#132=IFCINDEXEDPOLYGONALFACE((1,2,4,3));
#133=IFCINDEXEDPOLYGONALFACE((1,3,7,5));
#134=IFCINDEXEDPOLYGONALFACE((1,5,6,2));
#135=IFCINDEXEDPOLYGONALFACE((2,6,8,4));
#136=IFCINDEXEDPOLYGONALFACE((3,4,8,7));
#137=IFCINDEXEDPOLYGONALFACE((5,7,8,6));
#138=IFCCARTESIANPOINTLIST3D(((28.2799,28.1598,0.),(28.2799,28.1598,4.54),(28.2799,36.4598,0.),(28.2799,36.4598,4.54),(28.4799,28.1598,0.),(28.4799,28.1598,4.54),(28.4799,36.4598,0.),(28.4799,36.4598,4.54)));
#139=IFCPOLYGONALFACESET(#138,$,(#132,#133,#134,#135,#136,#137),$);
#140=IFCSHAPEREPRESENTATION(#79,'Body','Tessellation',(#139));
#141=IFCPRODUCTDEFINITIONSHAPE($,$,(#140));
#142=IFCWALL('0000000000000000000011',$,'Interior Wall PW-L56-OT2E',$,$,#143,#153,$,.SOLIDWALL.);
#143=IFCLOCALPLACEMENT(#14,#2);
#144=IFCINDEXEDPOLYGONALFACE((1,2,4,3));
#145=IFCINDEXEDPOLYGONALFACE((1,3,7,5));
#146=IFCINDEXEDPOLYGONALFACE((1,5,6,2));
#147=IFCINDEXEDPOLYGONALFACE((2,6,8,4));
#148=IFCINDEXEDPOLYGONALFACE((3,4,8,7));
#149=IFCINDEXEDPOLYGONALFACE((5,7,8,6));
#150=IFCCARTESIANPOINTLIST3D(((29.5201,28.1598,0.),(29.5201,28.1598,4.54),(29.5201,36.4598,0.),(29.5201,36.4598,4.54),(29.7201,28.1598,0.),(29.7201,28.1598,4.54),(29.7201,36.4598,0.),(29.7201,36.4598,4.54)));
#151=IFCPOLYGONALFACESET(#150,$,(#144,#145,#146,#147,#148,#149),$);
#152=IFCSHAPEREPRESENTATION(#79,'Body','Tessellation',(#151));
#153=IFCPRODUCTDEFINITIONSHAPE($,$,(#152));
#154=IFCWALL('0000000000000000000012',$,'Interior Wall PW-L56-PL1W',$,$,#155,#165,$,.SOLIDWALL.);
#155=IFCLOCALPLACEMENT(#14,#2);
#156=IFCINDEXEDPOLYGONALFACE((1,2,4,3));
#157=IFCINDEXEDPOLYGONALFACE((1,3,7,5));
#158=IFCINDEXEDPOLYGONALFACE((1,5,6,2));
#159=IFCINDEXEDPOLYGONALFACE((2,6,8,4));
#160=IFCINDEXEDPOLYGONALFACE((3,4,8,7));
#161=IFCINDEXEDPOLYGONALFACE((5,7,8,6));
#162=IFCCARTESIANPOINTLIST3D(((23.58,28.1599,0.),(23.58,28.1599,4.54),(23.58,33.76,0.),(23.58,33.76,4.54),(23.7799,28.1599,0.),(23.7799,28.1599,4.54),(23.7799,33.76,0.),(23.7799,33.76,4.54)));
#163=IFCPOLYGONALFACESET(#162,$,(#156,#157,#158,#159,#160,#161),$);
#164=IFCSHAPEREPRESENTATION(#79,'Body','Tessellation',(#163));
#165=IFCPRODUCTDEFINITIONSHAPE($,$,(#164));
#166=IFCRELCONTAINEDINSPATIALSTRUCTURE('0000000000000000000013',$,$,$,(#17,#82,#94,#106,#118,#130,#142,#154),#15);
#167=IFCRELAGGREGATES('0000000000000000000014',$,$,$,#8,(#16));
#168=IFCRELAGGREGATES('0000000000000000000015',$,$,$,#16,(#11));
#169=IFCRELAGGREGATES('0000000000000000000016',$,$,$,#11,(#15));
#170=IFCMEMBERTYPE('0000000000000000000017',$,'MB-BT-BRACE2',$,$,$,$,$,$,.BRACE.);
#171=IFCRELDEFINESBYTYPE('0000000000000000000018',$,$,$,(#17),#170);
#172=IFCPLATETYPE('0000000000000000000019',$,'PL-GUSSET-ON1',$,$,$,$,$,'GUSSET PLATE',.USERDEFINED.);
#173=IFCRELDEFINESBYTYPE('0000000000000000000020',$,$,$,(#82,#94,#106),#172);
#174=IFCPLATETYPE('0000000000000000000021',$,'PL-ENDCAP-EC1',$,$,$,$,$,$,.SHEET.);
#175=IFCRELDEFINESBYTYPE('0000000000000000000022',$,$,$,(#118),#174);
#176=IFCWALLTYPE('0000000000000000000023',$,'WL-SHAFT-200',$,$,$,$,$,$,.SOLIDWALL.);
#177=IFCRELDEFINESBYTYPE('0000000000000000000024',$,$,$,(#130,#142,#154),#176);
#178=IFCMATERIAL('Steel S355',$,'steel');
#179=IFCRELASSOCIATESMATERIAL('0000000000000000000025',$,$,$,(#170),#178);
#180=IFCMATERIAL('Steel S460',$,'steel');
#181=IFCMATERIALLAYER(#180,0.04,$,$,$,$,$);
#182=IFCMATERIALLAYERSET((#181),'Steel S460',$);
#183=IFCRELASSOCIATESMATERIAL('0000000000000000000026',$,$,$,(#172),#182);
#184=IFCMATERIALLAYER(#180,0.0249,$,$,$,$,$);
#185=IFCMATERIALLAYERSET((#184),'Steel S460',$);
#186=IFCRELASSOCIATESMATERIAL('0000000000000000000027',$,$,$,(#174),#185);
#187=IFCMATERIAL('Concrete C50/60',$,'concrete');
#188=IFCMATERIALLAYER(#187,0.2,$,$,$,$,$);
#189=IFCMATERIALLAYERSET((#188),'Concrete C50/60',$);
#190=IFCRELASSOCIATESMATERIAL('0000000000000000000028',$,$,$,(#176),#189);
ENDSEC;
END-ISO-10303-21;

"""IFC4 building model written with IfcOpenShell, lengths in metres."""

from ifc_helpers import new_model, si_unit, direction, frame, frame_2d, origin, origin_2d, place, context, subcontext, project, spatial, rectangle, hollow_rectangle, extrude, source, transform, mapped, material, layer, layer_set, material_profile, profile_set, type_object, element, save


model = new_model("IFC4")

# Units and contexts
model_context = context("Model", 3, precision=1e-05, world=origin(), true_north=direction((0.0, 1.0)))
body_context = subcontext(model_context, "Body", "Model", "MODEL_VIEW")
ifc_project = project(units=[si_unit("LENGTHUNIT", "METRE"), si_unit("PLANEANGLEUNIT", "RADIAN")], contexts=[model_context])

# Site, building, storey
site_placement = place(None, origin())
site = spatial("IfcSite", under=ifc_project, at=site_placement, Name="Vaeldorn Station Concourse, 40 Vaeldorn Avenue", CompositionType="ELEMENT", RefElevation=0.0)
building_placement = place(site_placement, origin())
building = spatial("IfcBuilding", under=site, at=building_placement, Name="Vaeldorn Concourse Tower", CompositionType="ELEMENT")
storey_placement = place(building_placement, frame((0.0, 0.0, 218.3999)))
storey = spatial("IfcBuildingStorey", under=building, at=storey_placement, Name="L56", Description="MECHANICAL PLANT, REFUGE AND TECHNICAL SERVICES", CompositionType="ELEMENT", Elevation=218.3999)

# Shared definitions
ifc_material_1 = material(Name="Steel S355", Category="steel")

________

- [What to work on]
From the data above, give every line again exactly as it appears.

- [Exercise result]
#132=IFCINDEXEDPOLYGONALFACE((1,2,4,3));
#133=IFCINDEXEDPOLYGONALFACE((1,3,7,5));
#134=IFCINDEXEDPOLYGONALFACE((1,5,6,2));
#135=IFCINDEXEDPOLYGONALFACE((2,6,8,4));
#136=IFCINDEXEDPOLYGONALFACE((3,4,8,7));
#137=IFCINDEXEDPOLYGONALFACE((5,7,8,6));
#138=IFCCARTESIANPOINTLIST3D(((28.2799,28.1598,0.),(28.2799,28.1598,4.54),(28.2799,36.4598,0.),(28.2799,36.4598,4.54),(28.4799,28.1598,0.),(28.4799,28.1598,4.54),(28.4799,36.4598,0.),(28.4799,36.4598,4.54)));
#139=IFCPOLYGONALFACESET(#138,$,(#132,#133,#134,#135,#136,#137),$);
#140=IFCSHAPEREPRESENTATION(#79,'Body','Tessellation',(#139));
#141=IFCPRODUCTDEFINITIONSHAPE($,$,(#140));
#142=IFCWALL('0000000000000000000011',$,'Interior Wall PW-L56-OT2E',$,$,#143,#153,$,.SOLIDWALL.);
#143=IFCLOCALPLACEMENT(#14,#2);
#144=IFCINDEXEDPOLYGONALFACE((1,2,4,3));
#145=IFCINDEXEDPOLYGONALFACE((1,3,7,5));
#146=IFCINDEXEDPOLYGONALFACE((1,5,6,2));
#147=IFCINDEXEDPOLYGONALFACE((2,6,8,4));
#148=IFCINDEXEDPOLYGONALFACE((3,4,8,7));
#149=IFCINDEXEDPOLYGONALFACE((5,7,8,6));
#150=IFCCARTESIANPOINTLIST3D(((29.5201,28.1598,0.),(29.5201,28.1598,4.54),(29.5201,36.4598,0.),(29.5201,36.4598,4.54),(29.7201,28.1598,0.),(29.7201,28.1598,4.54),(29.7201,36.4598,0.),(29.7201,36.4598,4.54)));
#151=IFCPOLYGONALFACESET(#150,$,(#144,#145,#146,#147,#148,#149),$);
#152=IFCSHAPEREPRESENTATION(#79,'Body','Tessellation',(#151));
#153=IFCPRODUCTDEFINITIONSHAPE($,$,(#152));
#154=IFCWALL('0000000000000000000012',$,'Interior Wall PW-L56-PL1W',$,$,#155,#165,$,.SOLIDWALL.);
#155=IFCLOCALPLACEMENT(#14,#2);
#156=IFCINDEXEDPOLYGONALFACE((1,2,4,3));
#157=IFCINDEXEDPOLYGONALFACE((1,3,7,5));
#158=IFCINDEXEDPOLYGONALFACE((1,5,6,2));
#159=IFCINDEXEDPOLYGONALFACE((2,6,8,4));
#160=IFCINDEXEDPOLYGONALFACE((3,4,8,7));
#161=IFCINDEXEDPOLYGONALFACE((5,7,8,6));
#162=IFCCARTESIANPOINTLIST3D(((23.58,28.1599,0.),(23.58,28.1599,4.54),(23.58,33.76,0.),(23.58,33.76,4.54),(23.7799,28.1599,0.),(23.7799,28.1599,4.54),(23.7799,33.76,0.),(23.7799,33.76,4.54)));
#163=IFCPOLYGONALFACESET(#162,$,(#156,#157,#158,#159,#160,#161),$);
#164=IFCSHAPEREPRESENTATION(#79,'Body','Tessellation',(#163));
#165=IFCPRODUCTDEFINITIONSHAPE($,$,(#164));
#166=IFCRELCONTAINEDINSPATIALSTRUCTURE('0000000000000000000013',$,$,$,(#17,#82,#94,#106,#118,#130,#142,#154),#15);
#167=IFCRELAGGREGATES('0000000000000000000014',$,$,$,#8,(#16));
#168=IFCRELAGGREGATES('0000000000000000000015',$,$,$,#16,(#11));
#169=IFCRELAGGREGATES('0000000000000000000016',$,$,$,#11,(#15));
#170=IFCMEMBERTYPE('0000000000000000000017',$,'MB-BT-BRACE2',$,$,$,$,$,$,.BRACE.);
#171=IFCRELDEFINESBYTYPE('0000000000000000000018',$,$,$,(#17),#170);
#172=IFCPLATETYPE('0000000000000000000019',$,'PL-GUSSET-ON1',$,$,$,$,$,'GUSSET PLATE',.USERDEFINED.);
#173=IFCRELDEFINESBYTYPE('0000000000000000000020',$,$,$,(#82,#94,#106),#172);
#174=IFCPLATETYPE('0000000000000000000021',$,'PL-ENDCAP-EC1',$,$,$,$,$,$,.SHEET.);
#175=IFCRELDEFINESBYTYPE('0000000000000000000022',$,$,$,(#118),#174);
#176=IFCWALLTYPE('0000000000000000000023',$,'WL-SHAFT-200',$,$,$,$,$,$,.SOLIDWALL.);
#177=IFCRELDEFINESBYTYPE('0000000000000000000024',$,$,$,(#130,#142,#154),#176);
#178=IFCMATERIAL('Steel S355',$,'steel');
#179=IFCRELASSOCIATESMATERIAL('0000000000000000000025',$,$,$,(#170),#178);
#180=IFCMATERIAL('Steel S460',$,'steel');
#181=IFCMATERIALLAYER(#180,0.04,$,$,$,$,$);
#182=IFCMATERIALLAYERSET((#181),'Steel S460',$);
#183=IFCRELASSOCIATESMATERIAL('0000000000000000000026',$,$,$,(#172),#182);
#184=IFCMATERIALLAYER(#180,0.0249,$,$,$,$,$);
#185=IFCMATERIALLAYERSET((#184),'Steel S460',$);
#186=IFCRELASSOCIATESMATERIAL('0000000000000000000027',$,$,$,(#174),#185);
#187=IFCMATERIAL('Concrete C50/60',$,'concrete');
#188=IFCMATERIALLAYER(#187,0.2,$,$,$,$,$);
#189=IFCMATERIALLAYERSET((#188),'Concrete C50/60',$);
#190=IFCRELASSOCIATESMATERIAL('0000000000000000000028',$,$,$,(#176),#189);
ENDSEC;
END-ISO-10303-21;

"""IFC4 building model written with IfcOpenShell, lengths in metres."""

from ifc_helpers import new_model, si_unit, direction, frame, frame_2d, origin, origin_2d, place, context, subcontext, project, spatial, rectangle, hollow_rectangle, extrude, source, transform, mapped, material, layer, layer_set, material_profile, profile_set, type_object, element, save


model = new_model("IFC4")

# Units and contexts
model_context = context("Model", 3, precision=1e-05, world=origin(), true_north=direction((0.0, 1.0)))
body_context = subcontext(model_context, "Body", "Model", "MODEL_VIEW")
ifc_project = project(units=[si_unit("LENGTHUNIT", "METRE"), si_unit("PLANEANGLEUNIT", "RADIAN")], contexts=[model_context])

# Site, building, storey
site_placement = place(None, origin())
site = spatial("IfcSite", under=ifc_project, at=site_placement, Name="Vaeldorn Station Concourse, 40 Vaeldorn Avenue", CompositionType="ELEMENT", RefElevation=0.0)
building_placement = place(site_placement, origin())
building = spatial("IfcBuilding", under=site, at=building_placement, Name="Vaeldorn Concourse Tower", CompositionType="ELEMENT")
storey_placement = place(building_placement, frame((0.0, 0.0, 218.3999)))
storey = spatial("IfcBuildingStorey", under=building, at=storey_placement, Name="L56", Description="MECHANICAL PLANT, REFUGE AND TECHNICAL SERVICES", CompositionType="ELEMENT", Elevation=218.3999)

# Shared definitions
ifc_material_1 = material(Name="Steel S355", Category="steel")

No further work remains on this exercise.